'''
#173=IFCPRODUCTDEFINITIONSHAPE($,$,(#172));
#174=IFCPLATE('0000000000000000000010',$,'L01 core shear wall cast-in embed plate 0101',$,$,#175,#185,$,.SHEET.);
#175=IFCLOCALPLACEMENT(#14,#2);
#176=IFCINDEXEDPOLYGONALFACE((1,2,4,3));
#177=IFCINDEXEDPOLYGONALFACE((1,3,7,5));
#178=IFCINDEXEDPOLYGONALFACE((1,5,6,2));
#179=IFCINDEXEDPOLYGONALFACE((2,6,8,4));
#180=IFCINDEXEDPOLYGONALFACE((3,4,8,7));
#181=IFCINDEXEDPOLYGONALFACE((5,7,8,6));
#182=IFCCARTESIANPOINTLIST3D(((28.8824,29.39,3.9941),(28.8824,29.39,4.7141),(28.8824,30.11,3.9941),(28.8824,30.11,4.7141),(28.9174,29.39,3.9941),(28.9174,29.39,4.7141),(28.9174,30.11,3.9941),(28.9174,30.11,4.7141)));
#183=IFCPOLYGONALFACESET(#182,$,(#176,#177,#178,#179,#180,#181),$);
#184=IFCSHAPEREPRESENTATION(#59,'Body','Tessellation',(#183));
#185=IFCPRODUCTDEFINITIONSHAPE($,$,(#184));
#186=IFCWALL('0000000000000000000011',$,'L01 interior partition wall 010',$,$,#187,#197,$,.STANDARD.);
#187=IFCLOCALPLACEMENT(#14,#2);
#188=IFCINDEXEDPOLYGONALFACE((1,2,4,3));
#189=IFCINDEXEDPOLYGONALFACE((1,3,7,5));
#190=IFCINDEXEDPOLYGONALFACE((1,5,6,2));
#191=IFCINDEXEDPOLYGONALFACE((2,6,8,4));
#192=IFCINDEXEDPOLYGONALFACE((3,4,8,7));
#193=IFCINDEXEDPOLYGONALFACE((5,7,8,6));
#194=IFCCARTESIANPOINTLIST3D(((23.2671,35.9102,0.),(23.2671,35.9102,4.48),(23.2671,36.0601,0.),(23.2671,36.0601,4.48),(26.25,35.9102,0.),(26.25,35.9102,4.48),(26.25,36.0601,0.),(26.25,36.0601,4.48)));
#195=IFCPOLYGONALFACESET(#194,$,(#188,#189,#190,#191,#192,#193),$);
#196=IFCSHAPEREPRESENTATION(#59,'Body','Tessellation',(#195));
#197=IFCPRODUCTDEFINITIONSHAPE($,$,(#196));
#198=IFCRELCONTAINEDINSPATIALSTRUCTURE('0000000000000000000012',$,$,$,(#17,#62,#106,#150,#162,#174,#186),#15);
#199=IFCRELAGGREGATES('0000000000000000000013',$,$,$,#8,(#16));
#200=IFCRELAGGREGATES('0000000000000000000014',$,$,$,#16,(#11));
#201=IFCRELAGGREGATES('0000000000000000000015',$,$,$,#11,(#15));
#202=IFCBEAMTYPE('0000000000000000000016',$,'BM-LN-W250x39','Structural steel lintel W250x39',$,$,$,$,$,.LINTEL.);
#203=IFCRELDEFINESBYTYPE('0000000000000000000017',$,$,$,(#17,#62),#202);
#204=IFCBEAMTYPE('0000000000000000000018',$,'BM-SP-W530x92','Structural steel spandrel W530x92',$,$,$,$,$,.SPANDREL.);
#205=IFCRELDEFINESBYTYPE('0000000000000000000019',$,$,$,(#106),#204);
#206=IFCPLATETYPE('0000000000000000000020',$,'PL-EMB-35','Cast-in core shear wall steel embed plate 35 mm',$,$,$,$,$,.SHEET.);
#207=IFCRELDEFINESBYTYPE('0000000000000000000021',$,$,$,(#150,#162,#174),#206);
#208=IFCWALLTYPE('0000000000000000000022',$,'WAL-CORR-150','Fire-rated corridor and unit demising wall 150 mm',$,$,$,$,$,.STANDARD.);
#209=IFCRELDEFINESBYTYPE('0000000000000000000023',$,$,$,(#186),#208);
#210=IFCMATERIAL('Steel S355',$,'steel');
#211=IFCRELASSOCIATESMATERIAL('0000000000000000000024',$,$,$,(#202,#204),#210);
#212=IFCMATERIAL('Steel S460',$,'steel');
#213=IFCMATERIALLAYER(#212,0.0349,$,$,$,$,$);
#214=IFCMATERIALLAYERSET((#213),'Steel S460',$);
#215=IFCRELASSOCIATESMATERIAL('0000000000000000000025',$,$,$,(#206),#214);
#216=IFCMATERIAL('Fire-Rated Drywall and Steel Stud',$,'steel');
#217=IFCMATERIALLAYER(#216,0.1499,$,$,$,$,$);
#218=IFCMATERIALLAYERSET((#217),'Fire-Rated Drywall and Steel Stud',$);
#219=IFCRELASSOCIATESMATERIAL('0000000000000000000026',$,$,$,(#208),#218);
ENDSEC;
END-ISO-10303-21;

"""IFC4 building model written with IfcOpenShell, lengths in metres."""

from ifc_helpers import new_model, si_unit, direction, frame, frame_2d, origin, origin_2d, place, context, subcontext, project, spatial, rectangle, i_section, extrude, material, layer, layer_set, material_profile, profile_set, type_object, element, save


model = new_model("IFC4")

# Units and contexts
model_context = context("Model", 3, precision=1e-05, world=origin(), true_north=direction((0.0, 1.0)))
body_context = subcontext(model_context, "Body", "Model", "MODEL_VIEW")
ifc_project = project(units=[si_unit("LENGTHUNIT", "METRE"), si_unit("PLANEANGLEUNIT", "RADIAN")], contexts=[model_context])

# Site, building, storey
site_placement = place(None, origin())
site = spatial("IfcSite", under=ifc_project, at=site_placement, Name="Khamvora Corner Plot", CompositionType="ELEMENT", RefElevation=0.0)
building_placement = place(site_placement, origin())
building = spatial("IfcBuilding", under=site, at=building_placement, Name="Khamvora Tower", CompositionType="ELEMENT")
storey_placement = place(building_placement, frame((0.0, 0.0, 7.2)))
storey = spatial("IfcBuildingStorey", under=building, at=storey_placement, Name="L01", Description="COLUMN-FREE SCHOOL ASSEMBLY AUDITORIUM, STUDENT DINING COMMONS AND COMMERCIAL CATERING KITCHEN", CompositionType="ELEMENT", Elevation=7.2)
'''
'''
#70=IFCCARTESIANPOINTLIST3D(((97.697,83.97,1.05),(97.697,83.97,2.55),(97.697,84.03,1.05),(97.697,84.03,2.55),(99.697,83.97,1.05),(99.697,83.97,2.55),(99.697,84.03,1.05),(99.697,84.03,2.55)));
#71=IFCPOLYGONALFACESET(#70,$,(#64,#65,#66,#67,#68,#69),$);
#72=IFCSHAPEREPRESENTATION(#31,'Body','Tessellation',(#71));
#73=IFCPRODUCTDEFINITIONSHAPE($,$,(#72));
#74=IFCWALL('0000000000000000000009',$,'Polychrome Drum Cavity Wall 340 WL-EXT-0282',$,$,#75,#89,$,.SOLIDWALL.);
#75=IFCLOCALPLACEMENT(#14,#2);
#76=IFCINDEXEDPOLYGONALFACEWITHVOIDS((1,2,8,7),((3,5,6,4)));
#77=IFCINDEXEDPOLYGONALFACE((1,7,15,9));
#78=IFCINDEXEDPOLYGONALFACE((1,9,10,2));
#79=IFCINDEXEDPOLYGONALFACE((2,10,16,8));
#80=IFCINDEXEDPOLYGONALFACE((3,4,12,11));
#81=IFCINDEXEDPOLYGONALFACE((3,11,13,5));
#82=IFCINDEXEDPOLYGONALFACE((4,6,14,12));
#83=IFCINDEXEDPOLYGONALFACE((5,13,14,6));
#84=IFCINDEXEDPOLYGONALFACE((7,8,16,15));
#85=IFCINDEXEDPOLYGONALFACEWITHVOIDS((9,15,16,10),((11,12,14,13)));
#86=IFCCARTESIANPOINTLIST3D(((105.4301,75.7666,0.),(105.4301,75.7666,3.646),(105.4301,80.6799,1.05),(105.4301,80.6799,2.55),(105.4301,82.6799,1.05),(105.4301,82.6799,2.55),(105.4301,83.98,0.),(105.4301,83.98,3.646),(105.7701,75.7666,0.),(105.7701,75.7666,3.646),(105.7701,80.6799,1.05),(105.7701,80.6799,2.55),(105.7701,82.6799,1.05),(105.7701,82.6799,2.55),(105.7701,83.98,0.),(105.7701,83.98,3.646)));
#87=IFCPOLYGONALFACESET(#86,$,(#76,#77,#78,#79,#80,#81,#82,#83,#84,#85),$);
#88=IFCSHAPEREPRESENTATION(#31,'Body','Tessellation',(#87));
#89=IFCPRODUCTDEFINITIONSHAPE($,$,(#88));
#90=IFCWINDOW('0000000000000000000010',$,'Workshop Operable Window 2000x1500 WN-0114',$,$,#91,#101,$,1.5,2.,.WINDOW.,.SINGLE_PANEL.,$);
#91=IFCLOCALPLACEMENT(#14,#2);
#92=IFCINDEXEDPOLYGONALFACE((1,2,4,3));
'''
'''
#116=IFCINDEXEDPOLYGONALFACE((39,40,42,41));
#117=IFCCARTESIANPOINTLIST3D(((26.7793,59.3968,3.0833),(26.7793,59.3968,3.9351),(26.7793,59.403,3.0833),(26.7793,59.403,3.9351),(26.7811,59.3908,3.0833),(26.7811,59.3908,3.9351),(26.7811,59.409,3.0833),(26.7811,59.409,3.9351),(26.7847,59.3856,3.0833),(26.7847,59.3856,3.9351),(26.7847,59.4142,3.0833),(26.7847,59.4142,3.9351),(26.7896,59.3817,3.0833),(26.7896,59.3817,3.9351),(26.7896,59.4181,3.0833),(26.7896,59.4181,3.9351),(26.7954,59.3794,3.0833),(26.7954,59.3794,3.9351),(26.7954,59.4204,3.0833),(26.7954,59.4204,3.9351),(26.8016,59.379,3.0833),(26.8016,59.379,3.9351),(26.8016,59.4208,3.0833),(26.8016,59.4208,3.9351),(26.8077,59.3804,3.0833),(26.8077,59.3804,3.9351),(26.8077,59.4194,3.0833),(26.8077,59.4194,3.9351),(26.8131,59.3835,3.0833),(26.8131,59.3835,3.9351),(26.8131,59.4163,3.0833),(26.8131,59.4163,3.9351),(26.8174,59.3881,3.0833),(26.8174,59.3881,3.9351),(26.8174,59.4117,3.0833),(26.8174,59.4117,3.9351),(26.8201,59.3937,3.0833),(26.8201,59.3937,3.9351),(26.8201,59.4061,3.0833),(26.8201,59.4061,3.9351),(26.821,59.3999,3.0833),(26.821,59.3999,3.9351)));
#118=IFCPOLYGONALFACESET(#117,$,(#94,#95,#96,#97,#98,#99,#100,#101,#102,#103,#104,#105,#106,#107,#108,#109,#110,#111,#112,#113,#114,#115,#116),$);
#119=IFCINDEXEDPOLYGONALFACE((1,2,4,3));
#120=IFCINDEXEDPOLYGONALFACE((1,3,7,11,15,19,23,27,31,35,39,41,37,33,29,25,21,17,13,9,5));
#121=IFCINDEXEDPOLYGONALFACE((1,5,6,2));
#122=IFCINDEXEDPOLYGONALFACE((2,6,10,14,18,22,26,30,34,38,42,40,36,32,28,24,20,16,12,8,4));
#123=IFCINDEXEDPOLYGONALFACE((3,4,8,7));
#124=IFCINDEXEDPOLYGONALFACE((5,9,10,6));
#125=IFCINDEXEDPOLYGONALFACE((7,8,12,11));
'''
== PROBLEM DETAILS ==
To answer, copy each line from the material above that has the word "shear".

== SOLUTION TO THE PROBLEM ==
#174=IFCPLATE('0000000000000000000010',$,'L01 core shear wall cast-in embed plate 0101',$,$,#175,#185,$,.SHEET.);
#206=IFCPLATETYPE('0000000000000000000020',$,'PL-EMB-35','Cast-in core shear wall steel embed plate 35 mm',$,$,$,$,$,.SHEET.);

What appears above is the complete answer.